### Problem statement
Work out the number of lines below containing the word "append" and give nothing besides it.

### Exercise data
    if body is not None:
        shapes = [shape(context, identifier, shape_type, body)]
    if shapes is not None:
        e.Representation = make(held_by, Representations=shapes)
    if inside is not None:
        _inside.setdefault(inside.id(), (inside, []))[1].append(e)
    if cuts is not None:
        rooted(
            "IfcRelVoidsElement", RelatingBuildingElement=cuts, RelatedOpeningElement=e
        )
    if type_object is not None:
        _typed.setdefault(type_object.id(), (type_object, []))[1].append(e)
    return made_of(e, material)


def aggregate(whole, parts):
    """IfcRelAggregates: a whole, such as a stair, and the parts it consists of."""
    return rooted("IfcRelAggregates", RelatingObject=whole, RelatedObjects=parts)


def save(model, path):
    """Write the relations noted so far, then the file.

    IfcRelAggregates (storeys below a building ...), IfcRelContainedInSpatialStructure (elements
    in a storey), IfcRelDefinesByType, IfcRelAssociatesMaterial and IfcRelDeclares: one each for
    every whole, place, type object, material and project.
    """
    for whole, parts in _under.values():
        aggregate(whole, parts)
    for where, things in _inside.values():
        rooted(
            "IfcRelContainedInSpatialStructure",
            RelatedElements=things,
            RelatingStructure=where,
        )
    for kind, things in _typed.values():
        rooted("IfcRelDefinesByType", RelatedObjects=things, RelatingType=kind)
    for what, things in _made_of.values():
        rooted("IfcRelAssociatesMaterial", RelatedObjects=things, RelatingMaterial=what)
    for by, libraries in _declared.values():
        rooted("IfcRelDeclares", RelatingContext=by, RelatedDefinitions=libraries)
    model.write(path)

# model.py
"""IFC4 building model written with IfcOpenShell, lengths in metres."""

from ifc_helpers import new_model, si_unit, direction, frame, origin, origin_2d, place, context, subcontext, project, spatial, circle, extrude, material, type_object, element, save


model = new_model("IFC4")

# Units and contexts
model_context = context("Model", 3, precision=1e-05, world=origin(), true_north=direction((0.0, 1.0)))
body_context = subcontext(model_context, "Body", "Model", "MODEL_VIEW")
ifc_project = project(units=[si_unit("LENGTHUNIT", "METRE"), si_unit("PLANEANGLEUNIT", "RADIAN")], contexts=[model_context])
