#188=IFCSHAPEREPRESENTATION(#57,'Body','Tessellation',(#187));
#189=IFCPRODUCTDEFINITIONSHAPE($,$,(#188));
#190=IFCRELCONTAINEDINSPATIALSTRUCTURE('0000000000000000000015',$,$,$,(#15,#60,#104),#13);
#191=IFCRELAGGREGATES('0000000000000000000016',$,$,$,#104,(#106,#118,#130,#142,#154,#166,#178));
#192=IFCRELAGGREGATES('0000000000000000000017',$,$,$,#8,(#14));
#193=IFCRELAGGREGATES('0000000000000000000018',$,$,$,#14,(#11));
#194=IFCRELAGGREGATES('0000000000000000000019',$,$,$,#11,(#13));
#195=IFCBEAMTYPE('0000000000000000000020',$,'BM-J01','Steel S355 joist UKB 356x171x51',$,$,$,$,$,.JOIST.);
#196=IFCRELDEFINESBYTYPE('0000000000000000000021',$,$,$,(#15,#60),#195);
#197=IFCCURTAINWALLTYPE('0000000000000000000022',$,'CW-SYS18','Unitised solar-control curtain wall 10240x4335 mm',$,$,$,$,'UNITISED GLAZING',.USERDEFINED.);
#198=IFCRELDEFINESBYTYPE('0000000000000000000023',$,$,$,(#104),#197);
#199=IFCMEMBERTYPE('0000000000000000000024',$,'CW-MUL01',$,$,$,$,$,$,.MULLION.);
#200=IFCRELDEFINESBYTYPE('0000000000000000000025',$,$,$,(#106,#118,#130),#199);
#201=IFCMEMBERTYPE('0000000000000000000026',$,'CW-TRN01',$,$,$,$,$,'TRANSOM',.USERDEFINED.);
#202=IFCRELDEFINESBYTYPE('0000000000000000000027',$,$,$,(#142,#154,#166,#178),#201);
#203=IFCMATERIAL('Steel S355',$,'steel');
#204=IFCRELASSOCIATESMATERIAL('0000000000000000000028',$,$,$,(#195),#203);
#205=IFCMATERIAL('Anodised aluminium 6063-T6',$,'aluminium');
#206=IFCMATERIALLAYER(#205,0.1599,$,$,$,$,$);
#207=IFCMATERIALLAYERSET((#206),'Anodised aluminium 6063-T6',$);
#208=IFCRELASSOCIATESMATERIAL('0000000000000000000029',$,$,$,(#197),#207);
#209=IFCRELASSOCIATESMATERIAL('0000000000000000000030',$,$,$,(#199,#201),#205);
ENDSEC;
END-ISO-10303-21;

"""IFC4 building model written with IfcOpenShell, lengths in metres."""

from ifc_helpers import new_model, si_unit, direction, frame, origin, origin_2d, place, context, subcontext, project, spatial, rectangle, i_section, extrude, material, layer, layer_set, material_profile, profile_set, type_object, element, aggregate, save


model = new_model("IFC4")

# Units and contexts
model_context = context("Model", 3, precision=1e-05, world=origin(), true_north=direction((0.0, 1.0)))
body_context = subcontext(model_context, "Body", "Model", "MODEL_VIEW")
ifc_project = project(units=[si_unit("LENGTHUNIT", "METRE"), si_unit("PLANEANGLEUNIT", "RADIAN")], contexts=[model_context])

* * *

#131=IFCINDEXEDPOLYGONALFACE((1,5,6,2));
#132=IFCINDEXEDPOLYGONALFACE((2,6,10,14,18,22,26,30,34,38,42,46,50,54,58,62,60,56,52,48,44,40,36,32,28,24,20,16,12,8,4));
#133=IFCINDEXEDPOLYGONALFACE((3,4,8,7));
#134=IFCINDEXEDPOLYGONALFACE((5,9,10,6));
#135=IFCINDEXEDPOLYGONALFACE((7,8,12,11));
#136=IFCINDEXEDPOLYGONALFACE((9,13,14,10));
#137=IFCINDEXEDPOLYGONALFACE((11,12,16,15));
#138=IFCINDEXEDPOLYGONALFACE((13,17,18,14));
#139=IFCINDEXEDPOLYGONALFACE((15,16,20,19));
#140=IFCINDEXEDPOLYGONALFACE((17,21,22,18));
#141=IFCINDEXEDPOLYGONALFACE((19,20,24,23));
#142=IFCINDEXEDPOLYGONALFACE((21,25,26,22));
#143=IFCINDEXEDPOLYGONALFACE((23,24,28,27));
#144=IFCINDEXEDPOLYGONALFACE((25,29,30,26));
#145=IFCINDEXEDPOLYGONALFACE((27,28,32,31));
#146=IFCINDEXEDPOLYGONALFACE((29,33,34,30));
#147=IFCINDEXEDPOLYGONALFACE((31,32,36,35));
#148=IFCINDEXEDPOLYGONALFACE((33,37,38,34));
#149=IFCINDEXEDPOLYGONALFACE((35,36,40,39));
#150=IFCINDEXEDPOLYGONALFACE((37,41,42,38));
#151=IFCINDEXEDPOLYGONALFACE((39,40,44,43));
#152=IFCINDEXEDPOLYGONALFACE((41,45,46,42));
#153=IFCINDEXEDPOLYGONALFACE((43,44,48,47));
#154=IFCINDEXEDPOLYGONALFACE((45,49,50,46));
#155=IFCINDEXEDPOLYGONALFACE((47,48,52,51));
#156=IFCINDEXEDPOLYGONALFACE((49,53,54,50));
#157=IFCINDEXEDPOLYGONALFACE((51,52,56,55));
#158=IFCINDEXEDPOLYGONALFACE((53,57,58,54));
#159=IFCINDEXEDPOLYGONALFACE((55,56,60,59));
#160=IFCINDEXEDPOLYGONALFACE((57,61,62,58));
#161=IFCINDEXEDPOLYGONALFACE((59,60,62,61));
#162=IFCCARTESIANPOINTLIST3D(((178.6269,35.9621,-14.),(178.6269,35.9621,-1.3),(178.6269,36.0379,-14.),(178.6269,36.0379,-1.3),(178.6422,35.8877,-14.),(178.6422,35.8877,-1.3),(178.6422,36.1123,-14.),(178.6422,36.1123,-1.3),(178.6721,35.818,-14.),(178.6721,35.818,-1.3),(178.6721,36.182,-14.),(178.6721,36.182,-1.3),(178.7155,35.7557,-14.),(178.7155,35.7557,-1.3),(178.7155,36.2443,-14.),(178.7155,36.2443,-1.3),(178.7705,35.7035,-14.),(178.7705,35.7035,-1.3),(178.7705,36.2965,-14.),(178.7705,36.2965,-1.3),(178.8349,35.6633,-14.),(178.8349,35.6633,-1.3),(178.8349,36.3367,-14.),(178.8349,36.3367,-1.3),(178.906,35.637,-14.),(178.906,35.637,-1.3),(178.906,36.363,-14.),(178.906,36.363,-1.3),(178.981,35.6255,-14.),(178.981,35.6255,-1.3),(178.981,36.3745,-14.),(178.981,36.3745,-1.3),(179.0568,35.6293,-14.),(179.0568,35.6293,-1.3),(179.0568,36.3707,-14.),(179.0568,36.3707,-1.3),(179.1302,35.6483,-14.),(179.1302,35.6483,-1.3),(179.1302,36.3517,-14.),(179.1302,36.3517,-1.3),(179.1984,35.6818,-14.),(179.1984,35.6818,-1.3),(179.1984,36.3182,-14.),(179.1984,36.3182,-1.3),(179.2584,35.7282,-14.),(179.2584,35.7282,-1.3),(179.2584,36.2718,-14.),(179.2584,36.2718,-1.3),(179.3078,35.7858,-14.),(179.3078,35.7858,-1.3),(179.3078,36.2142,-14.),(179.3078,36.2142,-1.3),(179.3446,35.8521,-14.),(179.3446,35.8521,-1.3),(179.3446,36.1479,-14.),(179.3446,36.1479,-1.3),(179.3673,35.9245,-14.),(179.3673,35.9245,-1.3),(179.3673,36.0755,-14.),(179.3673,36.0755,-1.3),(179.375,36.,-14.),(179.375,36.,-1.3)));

--

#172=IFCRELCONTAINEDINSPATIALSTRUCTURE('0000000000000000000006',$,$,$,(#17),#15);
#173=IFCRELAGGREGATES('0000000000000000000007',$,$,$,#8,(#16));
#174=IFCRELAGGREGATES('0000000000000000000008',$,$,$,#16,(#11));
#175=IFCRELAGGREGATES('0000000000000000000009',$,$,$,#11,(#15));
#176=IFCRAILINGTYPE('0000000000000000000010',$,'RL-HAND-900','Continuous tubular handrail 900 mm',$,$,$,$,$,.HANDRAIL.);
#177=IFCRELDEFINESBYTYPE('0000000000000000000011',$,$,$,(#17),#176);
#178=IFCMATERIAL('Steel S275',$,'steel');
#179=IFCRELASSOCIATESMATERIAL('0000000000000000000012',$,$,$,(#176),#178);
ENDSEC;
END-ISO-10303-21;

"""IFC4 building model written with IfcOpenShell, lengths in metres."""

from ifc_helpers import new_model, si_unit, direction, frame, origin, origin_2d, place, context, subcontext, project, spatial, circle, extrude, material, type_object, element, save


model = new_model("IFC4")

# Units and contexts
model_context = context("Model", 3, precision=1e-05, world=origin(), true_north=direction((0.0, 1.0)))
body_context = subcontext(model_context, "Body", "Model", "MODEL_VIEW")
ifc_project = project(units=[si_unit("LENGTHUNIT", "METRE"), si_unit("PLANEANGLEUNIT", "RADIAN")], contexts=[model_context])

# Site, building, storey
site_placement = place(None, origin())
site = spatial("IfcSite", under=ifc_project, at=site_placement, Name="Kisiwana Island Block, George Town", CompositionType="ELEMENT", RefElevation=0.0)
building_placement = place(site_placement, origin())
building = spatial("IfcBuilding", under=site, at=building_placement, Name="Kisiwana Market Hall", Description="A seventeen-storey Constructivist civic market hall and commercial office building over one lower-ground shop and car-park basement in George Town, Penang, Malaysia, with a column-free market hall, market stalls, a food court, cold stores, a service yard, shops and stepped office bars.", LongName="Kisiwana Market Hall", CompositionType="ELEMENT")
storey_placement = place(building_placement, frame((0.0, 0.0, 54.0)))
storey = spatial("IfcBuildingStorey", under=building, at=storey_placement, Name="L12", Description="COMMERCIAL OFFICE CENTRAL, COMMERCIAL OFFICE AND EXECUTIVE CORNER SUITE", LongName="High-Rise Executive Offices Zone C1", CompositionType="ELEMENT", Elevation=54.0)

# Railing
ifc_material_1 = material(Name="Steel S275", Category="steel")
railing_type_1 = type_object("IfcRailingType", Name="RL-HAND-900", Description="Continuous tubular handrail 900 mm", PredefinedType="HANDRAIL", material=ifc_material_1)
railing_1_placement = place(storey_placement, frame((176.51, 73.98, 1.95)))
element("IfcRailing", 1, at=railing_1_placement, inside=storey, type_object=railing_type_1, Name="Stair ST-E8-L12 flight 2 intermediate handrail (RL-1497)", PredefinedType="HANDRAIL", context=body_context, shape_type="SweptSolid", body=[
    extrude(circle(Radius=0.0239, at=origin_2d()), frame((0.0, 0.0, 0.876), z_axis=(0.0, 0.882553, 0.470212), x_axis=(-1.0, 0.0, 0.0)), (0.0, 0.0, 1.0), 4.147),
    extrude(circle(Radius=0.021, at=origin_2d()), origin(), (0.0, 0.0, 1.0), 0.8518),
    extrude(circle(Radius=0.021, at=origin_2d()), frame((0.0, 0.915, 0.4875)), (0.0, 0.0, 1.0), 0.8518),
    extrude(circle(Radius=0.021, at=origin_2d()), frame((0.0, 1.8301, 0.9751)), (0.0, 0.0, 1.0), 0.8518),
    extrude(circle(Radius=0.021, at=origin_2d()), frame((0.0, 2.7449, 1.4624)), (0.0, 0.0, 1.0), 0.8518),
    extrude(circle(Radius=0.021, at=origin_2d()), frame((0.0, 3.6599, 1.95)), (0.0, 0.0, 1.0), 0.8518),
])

### Solution
2